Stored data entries
----------
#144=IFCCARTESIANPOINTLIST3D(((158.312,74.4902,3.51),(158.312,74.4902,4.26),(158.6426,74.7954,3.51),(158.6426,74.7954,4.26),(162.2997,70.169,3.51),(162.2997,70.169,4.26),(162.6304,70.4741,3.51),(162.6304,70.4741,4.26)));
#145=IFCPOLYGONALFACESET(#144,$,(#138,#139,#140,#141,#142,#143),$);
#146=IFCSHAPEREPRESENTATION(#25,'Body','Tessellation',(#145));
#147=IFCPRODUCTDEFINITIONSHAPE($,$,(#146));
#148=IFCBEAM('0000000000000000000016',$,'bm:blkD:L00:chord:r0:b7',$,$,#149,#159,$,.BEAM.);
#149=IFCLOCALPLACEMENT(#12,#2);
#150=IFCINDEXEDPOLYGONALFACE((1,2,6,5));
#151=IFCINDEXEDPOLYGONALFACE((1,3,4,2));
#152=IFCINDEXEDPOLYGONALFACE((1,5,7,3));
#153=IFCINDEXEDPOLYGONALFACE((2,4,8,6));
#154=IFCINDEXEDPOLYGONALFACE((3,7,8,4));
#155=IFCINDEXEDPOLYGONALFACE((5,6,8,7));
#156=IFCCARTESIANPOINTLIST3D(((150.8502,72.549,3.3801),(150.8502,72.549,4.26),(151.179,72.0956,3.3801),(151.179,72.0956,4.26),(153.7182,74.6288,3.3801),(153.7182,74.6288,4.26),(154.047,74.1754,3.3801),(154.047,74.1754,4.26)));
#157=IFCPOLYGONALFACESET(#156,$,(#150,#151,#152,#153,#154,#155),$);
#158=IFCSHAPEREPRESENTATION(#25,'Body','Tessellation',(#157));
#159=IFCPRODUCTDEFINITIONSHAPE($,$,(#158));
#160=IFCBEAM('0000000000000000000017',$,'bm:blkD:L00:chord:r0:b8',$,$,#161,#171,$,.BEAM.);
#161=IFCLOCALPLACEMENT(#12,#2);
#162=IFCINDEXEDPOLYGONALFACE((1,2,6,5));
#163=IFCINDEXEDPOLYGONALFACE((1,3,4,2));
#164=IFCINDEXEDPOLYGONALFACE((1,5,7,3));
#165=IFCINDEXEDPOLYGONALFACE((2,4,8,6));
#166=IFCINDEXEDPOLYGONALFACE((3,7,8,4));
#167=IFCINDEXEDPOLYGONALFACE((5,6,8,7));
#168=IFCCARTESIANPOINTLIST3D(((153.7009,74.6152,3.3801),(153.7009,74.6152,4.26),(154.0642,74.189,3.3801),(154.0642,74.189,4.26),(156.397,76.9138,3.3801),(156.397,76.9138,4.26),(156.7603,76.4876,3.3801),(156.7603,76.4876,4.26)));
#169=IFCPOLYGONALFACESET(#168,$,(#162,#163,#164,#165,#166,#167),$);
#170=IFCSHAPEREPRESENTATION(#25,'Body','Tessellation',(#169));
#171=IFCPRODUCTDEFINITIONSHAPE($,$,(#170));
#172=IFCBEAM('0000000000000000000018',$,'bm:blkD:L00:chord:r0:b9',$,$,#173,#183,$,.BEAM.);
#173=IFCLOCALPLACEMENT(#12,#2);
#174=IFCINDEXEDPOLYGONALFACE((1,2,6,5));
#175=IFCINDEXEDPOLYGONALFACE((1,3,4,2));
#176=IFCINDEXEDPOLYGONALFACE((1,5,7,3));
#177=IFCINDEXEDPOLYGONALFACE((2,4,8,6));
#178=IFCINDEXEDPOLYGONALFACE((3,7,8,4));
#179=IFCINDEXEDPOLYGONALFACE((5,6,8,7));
----------
* [WHAT IS NEEDED]
Which lines of the data include the word "IFCPOLYGONALFACESET"? Copy each one.

* [OUTPUT OF THE EXERCISE]
#145=IFCPOLYGONALFACESET(#144,$,(#138,#139,#140,#141,#142,#143),$);
#157=IFCPOLYGONALFACESET(#156,$,(#150,#151,#152,#153,#154,#155),$);
#169=IFCPOLYGONALFACESET(#168,$,(#162,#163,#164,#165,#166,#167),$);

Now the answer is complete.